THE TASK ->
Pick every line out of the entries below that has the string "board", and copy it.
══ DATA EXTRACTS
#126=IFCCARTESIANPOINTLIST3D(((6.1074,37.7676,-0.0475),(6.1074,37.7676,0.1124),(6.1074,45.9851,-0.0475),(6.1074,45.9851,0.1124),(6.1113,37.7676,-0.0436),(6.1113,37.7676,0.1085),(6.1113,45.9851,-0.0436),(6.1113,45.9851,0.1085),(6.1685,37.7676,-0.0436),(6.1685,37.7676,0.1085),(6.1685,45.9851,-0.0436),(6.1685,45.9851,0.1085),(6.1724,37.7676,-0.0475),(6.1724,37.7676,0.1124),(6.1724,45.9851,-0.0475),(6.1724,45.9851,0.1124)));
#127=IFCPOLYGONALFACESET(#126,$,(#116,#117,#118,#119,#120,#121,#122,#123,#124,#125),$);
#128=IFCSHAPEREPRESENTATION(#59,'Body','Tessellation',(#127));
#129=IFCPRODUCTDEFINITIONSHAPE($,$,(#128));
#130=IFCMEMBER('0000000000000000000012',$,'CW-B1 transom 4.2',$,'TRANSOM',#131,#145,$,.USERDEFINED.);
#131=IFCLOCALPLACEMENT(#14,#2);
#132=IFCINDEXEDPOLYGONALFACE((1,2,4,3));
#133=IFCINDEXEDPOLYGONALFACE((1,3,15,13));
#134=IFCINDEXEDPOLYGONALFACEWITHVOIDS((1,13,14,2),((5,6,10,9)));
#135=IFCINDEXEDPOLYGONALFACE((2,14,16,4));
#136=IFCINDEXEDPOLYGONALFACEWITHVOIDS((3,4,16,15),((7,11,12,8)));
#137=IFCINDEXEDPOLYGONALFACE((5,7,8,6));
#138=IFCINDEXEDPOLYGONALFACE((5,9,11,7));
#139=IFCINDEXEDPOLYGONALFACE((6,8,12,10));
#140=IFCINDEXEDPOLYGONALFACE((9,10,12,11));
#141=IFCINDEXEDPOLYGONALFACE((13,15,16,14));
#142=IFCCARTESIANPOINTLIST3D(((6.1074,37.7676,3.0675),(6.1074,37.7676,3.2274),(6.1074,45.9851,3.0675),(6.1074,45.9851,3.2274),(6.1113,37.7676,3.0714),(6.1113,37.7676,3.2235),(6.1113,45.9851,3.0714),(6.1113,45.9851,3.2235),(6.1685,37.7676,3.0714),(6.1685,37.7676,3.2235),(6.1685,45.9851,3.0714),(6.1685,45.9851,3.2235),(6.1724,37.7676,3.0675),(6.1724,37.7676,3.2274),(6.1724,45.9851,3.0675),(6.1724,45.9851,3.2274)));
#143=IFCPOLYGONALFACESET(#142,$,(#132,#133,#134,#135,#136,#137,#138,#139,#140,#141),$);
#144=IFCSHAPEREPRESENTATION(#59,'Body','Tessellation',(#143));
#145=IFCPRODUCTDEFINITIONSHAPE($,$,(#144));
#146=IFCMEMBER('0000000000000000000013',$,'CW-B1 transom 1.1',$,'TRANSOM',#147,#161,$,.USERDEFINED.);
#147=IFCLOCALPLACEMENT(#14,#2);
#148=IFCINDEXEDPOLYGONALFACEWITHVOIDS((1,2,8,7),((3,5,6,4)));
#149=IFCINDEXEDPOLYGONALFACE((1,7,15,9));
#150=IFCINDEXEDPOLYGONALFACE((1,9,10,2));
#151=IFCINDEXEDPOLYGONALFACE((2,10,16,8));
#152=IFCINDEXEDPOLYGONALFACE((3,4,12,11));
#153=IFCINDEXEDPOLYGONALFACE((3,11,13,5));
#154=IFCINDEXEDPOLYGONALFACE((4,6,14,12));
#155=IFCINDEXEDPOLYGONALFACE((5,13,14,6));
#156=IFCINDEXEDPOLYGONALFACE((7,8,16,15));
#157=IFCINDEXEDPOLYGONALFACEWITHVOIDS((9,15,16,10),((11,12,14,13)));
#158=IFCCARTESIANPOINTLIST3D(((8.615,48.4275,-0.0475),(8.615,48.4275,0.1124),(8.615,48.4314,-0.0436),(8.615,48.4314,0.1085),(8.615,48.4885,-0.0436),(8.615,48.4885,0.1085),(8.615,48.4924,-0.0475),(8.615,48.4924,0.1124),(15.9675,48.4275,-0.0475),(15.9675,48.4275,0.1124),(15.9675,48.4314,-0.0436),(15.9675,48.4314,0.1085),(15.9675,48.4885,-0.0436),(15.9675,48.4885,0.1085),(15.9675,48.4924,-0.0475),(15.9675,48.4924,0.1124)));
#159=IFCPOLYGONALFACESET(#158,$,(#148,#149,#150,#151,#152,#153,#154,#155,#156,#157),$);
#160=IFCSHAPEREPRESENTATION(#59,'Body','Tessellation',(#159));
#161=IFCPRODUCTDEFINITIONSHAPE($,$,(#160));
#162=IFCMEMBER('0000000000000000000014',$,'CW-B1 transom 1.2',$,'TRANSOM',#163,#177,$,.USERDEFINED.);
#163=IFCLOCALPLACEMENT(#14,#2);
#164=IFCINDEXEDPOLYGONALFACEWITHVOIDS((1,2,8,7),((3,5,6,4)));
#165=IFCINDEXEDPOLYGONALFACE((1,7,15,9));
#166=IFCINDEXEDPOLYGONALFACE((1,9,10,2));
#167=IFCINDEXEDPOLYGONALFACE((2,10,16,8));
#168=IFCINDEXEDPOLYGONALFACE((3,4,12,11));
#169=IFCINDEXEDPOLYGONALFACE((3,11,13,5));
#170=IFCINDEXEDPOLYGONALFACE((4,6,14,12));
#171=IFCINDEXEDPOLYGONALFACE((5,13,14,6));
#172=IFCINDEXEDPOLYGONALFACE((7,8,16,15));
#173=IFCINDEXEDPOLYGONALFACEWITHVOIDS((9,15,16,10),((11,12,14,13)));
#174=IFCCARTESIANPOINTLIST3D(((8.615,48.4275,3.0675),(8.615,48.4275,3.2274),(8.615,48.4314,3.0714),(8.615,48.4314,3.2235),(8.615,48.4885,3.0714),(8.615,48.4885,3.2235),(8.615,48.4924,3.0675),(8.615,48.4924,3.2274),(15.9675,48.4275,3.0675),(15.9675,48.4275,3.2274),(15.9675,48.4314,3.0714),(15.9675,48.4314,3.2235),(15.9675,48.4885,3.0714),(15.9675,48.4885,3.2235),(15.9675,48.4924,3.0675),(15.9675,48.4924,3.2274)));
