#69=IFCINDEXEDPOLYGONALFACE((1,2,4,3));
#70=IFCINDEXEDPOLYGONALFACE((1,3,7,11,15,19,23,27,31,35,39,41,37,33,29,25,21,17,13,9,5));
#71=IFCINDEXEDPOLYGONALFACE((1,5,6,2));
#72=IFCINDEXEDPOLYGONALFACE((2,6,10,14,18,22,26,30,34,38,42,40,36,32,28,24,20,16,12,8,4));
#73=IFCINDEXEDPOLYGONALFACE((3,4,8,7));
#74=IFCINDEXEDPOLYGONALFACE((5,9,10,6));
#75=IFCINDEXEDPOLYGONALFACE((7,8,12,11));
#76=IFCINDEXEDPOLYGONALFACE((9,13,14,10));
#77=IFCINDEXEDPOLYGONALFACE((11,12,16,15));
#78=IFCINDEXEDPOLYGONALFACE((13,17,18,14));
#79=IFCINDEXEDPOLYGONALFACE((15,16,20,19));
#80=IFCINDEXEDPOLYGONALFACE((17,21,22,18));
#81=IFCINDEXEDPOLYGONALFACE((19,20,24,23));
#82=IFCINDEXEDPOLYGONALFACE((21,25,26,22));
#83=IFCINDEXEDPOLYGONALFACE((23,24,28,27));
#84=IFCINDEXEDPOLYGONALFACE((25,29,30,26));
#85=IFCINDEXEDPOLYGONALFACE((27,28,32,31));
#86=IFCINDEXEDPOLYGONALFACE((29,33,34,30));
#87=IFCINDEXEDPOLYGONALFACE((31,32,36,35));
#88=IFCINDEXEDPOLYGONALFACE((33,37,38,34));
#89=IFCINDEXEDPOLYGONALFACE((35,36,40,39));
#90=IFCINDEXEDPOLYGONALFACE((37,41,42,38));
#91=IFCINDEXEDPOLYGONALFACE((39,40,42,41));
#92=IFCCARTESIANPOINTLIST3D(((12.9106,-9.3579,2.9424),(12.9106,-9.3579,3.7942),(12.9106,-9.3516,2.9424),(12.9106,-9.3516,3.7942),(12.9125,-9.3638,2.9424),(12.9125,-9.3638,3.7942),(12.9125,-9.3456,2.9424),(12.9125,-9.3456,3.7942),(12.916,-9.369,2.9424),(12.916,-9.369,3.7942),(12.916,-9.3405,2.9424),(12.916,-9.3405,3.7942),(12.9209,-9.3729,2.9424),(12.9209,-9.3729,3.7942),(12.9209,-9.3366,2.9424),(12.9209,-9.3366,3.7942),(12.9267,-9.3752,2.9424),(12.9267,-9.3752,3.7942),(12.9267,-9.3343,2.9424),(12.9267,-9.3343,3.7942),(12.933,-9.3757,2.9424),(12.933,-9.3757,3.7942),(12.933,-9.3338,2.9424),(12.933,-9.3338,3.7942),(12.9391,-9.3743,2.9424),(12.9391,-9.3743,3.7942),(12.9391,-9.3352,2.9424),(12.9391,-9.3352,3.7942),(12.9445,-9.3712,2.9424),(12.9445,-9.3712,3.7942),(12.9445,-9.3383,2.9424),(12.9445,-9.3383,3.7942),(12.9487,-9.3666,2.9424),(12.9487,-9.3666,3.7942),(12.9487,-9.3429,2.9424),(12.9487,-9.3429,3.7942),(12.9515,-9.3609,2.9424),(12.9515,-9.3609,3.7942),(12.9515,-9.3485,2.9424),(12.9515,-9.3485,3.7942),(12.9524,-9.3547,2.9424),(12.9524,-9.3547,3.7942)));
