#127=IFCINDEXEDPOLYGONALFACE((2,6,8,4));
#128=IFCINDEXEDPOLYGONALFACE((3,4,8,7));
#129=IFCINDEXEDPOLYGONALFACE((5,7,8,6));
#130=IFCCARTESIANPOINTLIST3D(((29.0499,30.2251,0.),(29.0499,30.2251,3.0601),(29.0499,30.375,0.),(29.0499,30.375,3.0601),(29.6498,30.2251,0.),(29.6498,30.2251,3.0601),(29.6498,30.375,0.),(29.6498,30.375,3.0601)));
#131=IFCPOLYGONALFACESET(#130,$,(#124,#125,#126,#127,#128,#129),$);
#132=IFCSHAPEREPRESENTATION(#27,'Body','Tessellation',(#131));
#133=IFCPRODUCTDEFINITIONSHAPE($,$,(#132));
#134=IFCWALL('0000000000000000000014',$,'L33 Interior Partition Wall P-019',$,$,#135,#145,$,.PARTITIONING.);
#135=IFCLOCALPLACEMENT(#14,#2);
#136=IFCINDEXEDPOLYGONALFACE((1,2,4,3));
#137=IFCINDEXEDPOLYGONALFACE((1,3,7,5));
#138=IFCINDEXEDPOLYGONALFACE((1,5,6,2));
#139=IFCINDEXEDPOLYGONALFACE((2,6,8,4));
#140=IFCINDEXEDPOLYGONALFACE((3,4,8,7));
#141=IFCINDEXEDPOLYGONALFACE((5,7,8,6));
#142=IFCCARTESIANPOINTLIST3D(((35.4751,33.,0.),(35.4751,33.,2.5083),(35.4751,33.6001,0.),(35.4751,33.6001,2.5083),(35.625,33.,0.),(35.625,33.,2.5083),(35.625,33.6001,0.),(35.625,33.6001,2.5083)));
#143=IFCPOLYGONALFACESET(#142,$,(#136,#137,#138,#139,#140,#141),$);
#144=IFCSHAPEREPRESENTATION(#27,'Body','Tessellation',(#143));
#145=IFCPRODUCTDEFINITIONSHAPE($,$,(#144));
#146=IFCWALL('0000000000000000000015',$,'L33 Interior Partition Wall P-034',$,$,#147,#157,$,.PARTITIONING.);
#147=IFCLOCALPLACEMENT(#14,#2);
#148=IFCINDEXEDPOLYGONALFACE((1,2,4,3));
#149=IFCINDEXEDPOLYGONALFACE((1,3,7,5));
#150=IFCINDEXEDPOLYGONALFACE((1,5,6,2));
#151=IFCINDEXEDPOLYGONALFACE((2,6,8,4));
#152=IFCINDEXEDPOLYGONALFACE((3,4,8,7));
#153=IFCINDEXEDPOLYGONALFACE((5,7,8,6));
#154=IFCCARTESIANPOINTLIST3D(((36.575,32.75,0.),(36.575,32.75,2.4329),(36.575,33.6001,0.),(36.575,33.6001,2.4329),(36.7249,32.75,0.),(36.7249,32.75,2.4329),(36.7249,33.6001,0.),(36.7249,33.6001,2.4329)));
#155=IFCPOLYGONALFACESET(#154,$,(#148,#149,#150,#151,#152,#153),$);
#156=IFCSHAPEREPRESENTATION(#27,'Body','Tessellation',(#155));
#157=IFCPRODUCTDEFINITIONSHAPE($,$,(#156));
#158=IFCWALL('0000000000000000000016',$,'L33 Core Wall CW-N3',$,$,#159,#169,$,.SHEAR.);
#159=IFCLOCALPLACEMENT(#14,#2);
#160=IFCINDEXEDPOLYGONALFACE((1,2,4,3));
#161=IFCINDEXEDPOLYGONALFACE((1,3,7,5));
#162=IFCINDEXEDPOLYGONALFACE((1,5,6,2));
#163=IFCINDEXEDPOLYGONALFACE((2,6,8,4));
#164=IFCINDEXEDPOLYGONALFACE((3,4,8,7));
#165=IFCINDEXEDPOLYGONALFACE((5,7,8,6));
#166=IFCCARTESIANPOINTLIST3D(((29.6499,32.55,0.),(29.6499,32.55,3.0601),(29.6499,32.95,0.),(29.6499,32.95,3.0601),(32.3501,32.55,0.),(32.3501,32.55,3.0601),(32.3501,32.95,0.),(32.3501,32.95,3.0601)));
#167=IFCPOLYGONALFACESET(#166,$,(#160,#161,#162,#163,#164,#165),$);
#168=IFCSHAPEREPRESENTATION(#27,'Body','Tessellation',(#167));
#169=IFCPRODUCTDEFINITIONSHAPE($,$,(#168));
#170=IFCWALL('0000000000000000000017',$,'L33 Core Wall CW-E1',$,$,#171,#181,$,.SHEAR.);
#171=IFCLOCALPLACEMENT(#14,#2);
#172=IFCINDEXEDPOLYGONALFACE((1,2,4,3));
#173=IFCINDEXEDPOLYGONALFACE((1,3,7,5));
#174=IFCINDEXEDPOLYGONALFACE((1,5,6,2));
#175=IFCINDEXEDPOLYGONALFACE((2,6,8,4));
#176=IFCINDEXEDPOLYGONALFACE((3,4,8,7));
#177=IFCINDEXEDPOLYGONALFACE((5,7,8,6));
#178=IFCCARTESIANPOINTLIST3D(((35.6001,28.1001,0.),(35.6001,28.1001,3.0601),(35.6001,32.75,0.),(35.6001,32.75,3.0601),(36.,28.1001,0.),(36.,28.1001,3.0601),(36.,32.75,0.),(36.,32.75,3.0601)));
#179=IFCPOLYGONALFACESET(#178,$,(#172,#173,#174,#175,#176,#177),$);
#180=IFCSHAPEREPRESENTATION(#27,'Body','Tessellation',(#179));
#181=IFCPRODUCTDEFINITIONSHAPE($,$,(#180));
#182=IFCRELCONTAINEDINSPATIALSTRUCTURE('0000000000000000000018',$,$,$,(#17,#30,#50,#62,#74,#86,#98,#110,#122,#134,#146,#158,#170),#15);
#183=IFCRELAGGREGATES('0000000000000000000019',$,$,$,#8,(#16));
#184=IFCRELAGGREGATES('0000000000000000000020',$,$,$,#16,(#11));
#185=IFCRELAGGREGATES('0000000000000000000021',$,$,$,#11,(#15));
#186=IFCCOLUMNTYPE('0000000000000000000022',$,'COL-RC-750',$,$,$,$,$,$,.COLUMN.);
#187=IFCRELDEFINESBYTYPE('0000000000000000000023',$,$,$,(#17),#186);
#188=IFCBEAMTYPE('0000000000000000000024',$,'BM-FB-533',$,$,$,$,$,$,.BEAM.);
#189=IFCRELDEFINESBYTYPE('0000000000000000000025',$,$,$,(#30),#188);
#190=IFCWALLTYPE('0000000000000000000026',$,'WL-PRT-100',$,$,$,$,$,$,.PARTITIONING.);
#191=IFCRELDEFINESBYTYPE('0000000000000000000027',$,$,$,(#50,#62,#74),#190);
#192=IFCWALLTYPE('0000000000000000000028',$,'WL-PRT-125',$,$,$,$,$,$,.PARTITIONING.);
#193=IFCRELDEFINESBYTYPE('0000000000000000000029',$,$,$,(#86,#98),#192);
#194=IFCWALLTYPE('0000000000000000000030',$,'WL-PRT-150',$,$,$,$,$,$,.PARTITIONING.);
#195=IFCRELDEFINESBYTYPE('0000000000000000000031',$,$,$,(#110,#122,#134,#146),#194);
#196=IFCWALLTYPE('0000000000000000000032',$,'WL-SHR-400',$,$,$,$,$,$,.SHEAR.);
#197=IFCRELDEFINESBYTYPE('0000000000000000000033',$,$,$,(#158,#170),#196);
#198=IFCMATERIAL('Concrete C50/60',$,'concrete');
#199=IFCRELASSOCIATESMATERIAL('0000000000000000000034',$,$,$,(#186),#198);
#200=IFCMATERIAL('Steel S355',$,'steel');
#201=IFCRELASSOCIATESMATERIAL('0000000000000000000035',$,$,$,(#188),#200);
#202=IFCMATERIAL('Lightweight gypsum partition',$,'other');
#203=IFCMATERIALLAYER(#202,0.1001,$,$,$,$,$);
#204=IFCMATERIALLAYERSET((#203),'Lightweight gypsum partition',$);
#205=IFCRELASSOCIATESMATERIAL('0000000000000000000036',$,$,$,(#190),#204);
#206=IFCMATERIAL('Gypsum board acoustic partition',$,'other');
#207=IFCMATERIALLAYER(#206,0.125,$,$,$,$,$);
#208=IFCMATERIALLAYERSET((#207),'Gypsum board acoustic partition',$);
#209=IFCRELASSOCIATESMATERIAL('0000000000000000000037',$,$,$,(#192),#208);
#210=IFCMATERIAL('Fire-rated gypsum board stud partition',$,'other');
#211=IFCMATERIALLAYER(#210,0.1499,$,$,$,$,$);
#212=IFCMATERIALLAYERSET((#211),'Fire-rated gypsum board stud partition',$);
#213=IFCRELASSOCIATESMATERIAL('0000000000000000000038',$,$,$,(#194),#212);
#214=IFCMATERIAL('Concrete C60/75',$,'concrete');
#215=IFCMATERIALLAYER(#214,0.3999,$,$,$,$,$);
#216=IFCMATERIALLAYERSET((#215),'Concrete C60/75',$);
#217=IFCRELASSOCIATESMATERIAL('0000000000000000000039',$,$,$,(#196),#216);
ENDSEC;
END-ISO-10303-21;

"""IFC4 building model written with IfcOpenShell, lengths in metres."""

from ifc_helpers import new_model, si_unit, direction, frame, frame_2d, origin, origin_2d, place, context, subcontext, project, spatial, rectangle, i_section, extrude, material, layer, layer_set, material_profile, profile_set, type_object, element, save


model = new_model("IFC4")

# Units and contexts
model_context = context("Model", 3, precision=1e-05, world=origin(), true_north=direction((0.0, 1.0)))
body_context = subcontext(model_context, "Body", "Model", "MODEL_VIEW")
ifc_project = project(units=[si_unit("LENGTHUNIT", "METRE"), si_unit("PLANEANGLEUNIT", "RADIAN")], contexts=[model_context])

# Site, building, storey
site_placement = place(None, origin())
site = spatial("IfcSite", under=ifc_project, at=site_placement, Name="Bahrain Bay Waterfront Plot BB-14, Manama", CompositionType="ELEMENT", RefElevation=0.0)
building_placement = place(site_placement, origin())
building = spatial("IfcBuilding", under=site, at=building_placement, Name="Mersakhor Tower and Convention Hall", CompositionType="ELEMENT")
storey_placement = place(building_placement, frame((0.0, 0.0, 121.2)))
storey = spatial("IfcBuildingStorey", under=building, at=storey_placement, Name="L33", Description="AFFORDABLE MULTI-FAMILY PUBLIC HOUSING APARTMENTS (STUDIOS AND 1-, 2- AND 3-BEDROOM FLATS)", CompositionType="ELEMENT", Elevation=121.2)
════
EXPECTED ANSWER ->
#206=IFCMATERIAL('Gypsum board acoustic partition',$,'other');
#208=IFCMATERIALLAYERSET((#207),'Gypsum board acoustic partition',$);
#210=IFCMATERIAL('Fire-rated gypsum board stud partition',$,'other');
#212=IFCMATERIALLAYERSET((#211),'Fire-rated gypsum board stud partition',$);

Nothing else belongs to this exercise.